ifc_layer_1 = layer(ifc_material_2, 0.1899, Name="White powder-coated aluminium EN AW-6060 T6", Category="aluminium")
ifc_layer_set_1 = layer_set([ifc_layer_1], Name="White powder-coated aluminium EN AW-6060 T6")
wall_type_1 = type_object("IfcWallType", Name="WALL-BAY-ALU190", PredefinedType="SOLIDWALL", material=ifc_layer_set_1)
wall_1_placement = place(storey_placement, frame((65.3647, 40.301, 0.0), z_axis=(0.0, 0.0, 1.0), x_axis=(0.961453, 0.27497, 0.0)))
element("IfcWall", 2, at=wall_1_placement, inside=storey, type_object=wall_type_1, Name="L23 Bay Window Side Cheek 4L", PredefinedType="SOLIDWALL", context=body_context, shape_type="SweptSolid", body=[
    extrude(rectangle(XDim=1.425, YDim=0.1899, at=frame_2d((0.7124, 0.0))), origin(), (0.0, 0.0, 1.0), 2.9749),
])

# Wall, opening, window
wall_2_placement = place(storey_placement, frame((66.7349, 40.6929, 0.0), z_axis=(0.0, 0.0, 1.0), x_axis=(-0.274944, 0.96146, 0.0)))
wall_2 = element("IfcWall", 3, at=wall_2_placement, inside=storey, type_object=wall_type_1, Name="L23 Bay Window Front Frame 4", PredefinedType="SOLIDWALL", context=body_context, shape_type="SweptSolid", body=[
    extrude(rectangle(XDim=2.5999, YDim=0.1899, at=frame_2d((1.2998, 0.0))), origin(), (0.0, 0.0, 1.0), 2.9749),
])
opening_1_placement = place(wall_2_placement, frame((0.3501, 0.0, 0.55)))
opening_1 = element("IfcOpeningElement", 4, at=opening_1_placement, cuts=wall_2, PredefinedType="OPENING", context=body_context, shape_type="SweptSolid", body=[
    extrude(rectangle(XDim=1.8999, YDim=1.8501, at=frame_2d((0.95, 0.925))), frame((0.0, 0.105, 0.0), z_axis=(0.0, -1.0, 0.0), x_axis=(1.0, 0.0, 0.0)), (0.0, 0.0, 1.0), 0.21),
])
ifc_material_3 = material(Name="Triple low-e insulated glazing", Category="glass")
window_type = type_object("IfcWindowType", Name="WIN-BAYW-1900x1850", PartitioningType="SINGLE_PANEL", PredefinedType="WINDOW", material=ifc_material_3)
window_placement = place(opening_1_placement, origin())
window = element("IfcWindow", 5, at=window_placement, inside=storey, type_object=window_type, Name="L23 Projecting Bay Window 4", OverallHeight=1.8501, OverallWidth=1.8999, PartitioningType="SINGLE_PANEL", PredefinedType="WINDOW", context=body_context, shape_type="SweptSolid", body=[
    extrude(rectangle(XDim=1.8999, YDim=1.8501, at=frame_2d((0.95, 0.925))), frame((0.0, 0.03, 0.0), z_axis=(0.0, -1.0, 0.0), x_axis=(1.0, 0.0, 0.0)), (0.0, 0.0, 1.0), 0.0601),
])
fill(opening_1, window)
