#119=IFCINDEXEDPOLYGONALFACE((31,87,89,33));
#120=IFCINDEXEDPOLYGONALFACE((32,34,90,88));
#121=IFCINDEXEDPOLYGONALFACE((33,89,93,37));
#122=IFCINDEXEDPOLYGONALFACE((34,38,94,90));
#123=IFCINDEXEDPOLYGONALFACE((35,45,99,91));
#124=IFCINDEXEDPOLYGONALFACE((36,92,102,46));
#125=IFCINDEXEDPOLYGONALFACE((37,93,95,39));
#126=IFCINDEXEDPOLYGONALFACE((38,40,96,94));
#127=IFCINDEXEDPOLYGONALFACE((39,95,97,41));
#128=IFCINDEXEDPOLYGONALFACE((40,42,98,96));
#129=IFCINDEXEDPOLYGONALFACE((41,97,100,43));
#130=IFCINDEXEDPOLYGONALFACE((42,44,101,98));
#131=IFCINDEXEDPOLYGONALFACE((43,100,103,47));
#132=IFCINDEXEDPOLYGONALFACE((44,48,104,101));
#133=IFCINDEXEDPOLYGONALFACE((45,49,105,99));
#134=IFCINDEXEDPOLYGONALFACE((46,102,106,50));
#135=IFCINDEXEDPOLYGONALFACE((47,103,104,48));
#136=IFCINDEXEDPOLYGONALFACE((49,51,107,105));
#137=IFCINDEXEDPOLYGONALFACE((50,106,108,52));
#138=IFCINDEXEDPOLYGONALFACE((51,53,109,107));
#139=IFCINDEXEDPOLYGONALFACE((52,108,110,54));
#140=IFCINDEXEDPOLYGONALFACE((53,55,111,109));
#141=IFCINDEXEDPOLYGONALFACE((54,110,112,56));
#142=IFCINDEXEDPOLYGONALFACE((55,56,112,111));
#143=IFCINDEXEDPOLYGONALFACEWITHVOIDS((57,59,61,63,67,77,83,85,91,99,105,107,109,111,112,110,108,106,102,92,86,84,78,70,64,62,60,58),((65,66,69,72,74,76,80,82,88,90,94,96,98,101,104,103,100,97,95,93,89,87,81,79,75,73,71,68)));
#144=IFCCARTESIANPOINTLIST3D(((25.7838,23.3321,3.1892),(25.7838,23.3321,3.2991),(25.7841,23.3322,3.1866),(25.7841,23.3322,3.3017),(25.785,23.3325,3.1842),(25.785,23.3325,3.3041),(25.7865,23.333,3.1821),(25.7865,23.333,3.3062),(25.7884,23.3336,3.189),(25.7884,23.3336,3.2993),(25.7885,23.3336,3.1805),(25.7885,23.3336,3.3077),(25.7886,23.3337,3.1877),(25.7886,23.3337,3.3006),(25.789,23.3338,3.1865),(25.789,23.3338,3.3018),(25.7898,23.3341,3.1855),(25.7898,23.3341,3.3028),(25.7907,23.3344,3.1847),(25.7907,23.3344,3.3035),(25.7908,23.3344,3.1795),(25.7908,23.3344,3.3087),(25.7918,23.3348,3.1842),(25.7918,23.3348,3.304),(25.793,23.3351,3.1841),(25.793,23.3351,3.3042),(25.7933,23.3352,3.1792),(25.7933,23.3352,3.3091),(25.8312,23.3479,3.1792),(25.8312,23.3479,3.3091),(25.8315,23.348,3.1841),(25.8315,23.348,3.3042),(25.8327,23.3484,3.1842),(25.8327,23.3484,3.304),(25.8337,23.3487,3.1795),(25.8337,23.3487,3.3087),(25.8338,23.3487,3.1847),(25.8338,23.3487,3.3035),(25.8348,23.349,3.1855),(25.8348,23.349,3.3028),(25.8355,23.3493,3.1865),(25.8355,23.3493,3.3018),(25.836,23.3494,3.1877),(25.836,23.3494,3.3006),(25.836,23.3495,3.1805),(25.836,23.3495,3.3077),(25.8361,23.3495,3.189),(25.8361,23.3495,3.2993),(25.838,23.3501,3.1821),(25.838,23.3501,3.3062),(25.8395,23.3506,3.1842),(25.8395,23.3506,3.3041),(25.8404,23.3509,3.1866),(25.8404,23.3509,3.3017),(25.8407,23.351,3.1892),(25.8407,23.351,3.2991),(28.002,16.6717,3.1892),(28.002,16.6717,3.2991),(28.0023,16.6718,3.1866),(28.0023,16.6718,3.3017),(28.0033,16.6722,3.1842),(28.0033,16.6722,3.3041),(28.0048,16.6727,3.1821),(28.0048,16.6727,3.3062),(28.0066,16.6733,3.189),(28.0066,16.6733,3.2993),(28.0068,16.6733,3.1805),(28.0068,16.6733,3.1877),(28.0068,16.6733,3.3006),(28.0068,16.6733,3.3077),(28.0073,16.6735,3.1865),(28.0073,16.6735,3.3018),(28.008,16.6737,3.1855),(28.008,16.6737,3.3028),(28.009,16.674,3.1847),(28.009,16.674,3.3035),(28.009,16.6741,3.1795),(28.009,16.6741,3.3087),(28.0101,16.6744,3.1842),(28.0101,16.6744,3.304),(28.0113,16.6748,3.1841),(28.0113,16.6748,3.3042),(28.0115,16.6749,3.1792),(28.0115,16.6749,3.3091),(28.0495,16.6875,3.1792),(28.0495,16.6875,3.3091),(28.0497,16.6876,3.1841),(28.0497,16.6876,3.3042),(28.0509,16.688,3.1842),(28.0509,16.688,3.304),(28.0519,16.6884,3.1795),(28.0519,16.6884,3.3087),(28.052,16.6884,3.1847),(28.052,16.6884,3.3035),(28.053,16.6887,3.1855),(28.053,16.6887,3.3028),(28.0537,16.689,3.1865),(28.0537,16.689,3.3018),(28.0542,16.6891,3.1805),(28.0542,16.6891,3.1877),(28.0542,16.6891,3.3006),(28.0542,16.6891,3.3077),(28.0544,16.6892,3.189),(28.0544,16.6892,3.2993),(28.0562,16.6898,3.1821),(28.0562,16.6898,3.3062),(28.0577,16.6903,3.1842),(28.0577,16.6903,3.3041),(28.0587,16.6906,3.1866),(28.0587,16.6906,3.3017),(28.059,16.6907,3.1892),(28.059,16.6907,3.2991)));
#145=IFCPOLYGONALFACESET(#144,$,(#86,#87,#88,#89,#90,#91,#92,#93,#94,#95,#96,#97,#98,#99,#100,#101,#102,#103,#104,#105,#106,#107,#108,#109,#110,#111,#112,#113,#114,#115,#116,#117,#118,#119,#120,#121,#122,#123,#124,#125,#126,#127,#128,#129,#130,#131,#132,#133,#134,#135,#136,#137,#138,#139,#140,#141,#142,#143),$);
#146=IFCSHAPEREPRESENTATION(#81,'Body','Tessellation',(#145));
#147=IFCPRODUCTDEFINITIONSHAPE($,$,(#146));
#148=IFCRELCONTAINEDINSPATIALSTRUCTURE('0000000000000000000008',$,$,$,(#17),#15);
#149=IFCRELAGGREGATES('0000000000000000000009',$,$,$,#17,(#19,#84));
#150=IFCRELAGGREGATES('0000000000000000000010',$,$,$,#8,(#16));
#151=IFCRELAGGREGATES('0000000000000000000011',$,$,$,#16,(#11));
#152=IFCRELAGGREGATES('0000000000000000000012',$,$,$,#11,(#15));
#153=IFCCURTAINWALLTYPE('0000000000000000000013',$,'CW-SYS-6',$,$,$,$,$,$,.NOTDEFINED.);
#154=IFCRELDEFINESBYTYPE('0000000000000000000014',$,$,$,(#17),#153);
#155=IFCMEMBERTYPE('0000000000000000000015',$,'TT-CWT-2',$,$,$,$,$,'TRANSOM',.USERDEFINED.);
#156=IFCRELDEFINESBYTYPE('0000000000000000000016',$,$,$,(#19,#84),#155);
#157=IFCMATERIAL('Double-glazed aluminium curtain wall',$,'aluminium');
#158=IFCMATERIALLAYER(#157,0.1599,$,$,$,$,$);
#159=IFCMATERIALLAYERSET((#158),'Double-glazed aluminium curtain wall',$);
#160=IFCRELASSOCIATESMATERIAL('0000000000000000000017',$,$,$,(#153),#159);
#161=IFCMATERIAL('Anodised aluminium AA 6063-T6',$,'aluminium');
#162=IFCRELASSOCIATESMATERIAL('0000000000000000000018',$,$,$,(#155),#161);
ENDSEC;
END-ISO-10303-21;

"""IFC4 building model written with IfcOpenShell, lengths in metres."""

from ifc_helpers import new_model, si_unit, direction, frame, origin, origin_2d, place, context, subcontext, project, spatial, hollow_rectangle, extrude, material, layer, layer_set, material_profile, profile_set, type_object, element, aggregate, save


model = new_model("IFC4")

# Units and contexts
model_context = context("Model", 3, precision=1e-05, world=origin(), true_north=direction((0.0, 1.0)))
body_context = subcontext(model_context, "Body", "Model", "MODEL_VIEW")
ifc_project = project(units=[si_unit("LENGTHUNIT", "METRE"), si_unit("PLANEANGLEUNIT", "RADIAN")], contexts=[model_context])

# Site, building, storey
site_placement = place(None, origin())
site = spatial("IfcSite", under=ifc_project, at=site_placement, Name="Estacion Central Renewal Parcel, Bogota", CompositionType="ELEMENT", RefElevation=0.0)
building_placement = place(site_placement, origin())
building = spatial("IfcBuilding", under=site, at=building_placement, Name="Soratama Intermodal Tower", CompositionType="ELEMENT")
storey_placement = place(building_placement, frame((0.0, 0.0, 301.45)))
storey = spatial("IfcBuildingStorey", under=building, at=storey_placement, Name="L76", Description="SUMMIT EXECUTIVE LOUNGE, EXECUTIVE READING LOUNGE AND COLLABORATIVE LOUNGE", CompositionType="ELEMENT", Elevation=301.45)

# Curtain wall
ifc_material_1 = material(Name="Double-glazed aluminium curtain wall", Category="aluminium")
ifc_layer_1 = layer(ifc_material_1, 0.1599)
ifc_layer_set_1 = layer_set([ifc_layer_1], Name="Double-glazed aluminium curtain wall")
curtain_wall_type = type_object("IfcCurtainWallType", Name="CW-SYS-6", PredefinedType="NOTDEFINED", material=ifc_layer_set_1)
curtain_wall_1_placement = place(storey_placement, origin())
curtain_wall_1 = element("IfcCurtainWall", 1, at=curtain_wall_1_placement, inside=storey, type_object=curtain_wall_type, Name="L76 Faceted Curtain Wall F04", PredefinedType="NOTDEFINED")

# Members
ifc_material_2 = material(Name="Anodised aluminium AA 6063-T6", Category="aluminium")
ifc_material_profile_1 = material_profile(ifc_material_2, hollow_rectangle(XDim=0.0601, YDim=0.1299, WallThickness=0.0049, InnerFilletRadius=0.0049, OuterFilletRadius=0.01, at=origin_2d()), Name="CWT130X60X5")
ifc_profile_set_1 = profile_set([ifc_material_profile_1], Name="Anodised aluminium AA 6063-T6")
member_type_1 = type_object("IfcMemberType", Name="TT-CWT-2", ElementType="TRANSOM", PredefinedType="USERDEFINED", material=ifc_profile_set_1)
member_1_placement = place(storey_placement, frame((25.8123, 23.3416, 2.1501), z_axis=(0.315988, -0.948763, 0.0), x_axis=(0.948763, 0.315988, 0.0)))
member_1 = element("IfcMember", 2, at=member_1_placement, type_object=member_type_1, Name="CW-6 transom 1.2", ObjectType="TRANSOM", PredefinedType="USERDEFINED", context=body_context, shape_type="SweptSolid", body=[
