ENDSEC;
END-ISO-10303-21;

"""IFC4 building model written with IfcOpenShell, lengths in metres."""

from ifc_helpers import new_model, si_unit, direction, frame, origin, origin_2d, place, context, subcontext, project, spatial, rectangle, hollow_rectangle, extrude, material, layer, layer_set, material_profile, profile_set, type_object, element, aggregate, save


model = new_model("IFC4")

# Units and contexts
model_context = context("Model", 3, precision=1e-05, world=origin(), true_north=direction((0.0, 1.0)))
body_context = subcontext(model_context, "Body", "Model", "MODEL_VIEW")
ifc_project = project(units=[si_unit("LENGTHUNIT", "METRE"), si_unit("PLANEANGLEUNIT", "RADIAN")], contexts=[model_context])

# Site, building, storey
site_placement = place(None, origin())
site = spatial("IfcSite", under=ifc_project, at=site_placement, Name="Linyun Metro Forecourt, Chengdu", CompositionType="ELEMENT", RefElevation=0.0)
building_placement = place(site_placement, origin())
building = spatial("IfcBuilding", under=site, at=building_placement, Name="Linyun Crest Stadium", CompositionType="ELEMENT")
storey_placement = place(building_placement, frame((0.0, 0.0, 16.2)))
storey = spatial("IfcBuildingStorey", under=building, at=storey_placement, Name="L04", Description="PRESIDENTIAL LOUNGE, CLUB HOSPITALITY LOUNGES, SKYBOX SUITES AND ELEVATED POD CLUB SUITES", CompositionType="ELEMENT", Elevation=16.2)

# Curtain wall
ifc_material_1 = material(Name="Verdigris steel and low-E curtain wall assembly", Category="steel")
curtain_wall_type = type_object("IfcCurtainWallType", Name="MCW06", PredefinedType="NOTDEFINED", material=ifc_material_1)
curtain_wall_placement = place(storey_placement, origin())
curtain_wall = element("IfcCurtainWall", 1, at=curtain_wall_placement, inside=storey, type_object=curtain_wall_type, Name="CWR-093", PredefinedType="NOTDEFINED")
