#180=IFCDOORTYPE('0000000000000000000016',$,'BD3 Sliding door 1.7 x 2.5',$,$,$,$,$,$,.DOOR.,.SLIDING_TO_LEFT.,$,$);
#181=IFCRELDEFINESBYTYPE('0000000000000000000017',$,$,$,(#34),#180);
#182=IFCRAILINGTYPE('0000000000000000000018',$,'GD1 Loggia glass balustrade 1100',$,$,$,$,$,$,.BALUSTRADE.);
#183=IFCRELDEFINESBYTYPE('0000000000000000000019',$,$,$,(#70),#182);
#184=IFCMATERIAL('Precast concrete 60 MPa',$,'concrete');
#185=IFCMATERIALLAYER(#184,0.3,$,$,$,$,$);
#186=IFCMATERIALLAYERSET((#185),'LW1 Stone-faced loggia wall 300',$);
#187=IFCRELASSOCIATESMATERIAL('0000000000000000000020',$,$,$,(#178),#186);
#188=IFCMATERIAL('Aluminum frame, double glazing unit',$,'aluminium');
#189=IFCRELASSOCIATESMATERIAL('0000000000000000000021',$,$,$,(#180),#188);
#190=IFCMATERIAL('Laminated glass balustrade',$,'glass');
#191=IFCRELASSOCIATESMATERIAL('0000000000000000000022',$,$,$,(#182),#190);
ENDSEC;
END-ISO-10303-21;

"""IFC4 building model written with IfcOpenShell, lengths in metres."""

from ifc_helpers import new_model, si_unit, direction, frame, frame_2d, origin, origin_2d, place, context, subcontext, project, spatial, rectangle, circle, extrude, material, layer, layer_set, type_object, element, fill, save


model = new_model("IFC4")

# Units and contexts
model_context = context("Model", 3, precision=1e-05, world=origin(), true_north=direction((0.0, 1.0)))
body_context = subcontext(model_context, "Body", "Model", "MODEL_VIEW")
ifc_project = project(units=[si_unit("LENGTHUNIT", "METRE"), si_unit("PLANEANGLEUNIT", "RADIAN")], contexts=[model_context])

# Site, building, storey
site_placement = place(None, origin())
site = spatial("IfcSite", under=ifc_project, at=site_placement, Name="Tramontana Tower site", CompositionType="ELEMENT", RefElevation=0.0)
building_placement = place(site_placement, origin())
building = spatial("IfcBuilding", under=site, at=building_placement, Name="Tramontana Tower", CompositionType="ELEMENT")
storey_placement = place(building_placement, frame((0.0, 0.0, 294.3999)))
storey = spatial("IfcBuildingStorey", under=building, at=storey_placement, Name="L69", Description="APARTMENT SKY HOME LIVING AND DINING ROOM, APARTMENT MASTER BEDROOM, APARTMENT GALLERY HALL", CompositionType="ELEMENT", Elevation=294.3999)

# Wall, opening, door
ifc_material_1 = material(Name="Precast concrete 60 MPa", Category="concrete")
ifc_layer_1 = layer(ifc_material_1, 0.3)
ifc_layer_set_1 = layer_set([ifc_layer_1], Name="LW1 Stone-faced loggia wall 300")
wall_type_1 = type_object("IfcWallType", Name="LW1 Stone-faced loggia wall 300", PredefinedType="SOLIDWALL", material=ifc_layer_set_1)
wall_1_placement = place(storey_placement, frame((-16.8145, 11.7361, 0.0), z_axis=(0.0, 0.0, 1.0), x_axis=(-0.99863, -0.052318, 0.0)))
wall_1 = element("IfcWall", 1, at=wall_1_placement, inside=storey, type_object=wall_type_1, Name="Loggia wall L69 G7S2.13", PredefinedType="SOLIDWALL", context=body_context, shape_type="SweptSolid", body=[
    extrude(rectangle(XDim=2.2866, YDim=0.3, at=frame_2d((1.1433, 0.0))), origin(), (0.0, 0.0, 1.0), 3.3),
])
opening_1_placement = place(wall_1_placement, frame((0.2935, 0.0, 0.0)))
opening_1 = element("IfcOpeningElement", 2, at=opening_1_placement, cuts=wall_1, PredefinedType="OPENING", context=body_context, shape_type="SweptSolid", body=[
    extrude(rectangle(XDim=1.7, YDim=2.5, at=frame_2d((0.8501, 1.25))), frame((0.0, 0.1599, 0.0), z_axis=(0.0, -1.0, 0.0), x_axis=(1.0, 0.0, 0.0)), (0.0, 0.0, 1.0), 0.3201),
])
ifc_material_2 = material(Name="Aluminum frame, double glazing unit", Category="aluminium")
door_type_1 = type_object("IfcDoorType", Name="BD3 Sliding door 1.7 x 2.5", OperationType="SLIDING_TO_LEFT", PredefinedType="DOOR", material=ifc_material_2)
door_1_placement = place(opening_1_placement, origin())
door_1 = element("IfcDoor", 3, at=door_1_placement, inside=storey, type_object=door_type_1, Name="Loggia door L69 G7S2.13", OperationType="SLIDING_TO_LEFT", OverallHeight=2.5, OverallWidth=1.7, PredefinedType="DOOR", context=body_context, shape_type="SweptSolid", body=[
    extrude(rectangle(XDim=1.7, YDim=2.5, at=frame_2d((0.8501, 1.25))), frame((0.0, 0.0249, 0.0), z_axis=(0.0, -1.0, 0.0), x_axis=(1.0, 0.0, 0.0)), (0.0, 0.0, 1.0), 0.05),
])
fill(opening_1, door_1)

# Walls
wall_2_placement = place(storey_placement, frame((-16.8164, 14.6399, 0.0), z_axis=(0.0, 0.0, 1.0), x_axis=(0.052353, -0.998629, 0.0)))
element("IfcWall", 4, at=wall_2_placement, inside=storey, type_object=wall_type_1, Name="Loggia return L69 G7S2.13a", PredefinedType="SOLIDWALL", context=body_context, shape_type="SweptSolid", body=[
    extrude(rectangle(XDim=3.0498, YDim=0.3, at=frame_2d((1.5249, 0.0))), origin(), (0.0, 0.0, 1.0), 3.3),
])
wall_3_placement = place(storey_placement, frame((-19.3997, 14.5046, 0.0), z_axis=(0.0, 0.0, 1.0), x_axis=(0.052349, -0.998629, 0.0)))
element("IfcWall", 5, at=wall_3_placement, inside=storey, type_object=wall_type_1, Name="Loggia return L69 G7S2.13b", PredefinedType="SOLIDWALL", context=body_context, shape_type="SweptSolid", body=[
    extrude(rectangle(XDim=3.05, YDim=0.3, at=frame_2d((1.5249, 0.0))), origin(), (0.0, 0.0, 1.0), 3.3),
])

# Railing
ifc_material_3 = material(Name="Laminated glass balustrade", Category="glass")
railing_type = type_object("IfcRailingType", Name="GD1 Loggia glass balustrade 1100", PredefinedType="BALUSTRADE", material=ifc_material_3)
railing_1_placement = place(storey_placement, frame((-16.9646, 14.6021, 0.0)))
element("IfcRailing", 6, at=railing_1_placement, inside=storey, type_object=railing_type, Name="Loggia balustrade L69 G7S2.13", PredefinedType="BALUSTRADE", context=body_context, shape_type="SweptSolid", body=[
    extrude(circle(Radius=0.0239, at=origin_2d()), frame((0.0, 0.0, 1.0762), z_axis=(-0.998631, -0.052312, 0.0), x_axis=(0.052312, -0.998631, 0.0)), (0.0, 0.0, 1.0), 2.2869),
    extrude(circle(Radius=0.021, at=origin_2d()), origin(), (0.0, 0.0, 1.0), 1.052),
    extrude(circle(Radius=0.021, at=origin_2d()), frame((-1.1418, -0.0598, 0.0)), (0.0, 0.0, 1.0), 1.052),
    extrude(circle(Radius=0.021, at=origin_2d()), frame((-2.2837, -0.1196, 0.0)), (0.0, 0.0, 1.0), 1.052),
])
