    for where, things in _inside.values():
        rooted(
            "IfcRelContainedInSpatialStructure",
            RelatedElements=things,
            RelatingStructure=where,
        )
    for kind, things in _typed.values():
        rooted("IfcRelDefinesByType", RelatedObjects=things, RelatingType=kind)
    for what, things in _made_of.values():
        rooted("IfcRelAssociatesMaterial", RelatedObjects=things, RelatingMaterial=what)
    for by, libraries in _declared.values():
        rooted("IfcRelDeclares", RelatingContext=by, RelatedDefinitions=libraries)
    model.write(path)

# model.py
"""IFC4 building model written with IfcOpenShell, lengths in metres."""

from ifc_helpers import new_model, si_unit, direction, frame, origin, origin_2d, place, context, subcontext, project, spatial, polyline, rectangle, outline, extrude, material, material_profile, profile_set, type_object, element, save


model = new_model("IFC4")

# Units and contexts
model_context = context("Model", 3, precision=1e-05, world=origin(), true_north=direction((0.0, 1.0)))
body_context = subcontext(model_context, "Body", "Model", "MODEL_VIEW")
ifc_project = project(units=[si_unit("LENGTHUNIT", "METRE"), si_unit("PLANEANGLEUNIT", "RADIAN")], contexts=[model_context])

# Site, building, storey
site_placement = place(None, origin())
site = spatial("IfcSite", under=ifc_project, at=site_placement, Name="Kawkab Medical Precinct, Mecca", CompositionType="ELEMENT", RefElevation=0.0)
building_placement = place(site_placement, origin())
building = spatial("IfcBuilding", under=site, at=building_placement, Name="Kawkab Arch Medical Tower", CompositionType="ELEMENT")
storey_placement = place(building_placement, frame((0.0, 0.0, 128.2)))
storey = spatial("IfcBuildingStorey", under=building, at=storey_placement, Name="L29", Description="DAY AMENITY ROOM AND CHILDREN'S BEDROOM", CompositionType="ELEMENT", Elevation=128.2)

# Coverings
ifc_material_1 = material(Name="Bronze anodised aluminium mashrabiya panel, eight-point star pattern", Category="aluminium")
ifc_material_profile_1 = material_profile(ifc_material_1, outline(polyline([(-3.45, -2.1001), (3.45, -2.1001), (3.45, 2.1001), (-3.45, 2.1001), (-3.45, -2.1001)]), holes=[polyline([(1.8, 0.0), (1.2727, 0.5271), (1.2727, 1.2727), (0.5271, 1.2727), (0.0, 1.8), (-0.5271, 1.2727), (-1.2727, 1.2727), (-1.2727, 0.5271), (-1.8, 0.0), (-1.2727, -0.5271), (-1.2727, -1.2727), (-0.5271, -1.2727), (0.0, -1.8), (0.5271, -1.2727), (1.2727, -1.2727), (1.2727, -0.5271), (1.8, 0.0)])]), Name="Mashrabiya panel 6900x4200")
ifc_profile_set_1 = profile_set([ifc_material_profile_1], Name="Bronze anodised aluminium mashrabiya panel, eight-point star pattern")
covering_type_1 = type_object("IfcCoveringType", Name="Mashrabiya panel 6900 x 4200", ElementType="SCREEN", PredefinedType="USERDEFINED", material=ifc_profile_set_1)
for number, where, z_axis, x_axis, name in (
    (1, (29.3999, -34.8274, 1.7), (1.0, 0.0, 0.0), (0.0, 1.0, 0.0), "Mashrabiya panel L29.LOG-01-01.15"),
★ ★ ★ ★
**Aim of the task**. Pull every line containing "Laminated" out of the entries.

**Exercise response**.
#190=IFCMATERIAL('Laminated glass balustrade',$,'glass');
ifc_material_3 = material(Name="Laminated glass balustrade", Category="glass")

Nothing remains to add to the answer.